Prompt
Find every line in the records below that contains "subcontext", and copy it.

(Material to process)

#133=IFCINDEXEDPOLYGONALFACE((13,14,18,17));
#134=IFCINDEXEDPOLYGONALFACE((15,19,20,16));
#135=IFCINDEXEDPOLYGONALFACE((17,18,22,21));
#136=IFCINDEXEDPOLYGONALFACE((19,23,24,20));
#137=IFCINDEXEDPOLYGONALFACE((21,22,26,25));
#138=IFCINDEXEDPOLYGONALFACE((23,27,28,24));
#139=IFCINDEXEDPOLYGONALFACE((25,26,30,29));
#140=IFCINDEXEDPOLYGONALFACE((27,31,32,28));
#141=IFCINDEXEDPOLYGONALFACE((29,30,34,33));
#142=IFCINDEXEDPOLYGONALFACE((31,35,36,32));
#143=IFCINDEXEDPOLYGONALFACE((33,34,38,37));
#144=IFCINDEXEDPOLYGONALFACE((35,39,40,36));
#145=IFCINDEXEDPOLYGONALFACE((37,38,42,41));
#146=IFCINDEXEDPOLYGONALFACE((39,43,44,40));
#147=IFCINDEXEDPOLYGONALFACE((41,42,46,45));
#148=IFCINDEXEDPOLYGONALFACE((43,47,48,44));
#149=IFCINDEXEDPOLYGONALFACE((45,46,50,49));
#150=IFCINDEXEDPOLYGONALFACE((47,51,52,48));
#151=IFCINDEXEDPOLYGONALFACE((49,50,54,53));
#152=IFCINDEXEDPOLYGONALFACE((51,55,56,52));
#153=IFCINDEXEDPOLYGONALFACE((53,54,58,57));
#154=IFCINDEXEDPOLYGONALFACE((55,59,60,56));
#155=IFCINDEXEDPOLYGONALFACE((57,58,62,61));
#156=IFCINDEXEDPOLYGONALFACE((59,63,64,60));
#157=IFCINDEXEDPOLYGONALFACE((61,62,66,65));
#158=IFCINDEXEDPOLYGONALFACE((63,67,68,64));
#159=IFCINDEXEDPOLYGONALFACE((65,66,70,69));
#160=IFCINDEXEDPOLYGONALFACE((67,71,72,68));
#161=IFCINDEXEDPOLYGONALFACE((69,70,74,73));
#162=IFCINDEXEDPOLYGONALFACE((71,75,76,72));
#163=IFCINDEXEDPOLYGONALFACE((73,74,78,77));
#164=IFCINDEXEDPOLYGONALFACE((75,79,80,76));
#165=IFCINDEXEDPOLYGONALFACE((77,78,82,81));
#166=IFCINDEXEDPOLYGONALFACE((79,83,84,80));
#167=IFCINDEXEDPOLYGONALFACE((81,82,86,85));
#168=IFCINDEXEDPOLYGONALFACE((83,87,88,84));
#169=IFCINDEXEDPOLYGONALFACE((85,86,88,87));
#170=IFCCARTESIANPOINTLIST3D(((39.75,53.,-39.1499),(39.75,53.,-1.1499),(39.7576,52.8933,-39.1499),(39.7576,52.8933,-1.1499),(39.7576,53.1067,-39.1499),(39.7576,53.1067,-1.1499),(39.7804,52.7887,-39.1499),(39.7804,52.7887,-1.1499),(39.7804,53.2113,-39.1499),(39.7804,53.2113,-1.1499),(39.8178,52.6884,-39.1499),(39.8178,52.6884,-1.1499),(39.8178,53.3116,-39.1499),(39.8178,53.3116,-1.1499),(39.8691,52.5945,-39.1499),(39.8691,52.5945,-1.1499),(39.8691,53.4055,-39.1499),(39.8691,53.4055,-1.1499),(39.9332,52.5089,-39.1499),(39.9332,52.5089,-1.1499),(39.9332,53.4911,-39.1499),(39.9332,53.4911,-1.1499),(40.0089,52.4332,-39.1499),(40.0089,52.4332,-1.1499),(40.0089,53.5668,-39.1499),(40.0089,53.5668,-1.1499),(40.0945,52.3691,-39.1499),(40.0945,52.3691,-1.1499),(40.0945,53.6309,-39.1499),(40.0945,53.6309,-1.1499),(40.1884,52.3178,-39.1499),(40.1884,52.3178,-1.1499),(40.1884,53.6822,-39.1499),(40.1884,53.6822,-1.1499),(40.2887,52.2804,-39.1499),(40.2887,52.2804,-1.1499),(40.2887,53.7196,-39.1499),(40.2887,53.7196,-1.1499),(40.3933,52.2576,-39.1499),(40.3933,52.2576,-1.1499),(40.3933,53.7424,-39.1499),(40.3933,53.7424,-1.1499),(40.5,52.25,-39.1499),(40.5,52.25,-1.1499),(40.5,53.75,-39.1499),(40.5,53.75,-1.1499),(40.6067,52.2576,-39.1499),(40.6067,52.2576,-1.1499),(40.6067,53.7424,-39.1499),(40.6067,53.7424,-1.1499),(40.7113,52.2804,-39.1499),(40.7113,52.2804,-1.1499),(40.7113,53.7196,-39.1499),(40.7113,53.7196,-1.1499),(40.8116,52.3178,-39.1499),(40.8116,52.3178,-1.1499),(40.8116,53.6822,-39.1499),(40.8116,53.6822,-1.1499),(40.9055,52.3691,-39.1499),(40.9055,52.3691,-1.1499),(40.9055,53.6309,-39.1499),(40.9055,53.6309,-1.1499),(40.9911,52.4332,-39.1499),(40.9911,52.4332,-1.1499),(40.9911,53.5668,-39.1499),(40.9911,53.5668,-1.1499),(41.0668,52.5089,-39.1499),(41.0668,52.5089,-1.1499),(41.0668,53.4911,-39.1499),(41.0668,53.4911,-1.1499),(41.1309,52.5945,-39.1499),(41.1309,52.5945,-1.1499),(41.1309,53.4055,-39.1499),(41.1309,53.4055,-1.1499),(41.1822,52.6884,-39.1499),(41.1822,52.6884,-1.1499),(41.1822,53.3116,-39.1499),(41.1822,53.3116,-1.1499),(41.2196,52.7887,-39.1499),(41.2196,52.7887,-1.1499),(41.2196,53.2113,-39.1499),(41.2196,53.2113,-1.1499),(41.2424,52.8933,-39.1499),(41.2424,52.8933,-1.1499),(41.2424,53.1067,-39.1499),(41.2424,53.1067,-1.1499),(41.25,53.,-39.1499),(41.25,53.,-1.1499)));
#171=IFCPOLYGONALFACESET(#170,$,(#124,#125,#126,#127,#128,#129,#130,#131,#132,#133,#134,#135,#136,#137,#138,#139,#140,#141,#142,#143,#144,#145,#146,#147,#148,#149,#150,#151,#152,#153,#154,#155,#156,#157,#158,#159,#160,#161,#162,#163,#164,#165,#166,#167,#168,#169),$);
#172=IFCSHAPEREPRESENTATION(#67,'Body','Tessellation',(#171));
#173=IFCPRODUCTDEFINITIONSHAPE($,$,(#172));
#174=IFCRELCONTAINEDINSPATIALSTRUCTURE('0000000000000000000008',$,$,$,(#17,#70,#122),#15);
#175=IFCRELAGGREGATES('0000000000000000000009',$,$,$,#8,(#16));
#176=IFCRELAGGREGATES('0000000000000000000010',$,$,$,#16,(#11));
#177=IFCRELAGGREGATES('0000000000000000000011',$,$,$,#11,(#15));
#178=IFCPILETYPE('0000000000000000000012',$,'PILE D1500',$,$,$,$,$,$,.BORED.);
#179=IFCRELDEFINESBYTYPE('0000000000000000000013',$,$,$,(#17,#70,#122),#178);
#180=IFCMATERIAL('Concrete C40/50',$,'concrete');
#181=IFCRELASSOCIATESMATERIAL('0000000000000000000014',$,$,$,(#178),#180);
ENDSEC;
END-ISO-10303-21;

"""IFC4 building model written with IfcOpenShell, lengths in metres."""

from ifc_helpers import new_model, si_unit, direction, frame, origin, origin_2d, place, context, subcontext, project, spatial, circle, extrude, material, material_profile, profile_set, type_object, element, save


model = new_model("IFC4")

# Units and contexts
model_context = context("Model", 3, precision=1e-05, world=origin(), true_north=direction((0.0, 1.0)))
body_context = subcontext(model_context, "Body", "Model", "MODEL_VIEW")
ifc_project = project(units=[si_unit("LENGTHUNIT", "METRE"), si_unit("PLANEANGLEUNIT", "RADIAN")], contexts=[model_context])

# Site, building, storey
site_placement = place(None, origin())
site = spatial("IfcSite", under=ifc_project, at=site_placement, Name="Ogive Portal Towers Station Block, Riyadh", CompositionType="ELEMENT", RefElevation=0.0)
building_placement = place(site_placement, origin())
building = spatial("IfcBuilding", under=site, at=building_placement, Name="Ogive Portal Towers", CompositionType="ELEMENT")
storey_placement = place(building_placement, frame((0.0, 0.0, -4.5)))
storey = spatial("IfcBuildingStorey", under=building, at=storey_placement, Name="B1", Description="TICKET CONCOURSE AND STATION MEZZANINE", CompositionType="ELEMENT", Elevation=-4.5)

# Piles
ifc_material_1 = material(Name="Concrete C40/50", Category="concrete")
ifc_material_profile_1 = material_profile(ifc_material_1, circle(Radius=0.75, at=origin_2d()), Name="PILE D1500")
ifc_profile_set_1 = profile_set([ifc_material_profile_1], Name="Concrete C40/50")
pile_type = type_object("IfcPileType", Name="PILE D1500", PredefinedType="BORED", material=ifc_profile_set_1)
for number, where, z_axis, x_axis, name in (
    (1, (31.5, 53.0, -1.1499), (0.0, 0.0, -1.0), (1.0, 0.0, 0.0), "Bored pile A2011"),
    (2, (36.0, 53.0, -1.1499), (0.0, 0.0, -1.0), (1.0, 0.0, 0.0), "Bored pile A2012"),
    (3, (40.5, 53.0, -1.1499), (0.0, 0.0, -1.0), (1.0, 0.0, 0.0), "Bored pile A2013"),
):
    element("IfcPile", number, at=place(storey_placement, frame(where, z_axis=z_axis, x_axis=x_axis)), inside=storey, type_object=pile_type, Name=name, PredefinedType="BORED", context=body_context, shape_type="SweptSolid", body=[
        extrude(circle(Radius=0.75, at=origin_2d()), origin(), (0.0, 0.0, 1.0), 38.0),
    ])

(End Material to process)

Exercise response
from ifc_helpers import new_model, si_unit, direction, frame, origin, origin_2d, place, context, subcontext, project, spatial, circle, extrude, material, material_profile, profile_set, type_object, element, save
body_context = subcontext(model_context, "Body", "Model", "MODEL_VIEW")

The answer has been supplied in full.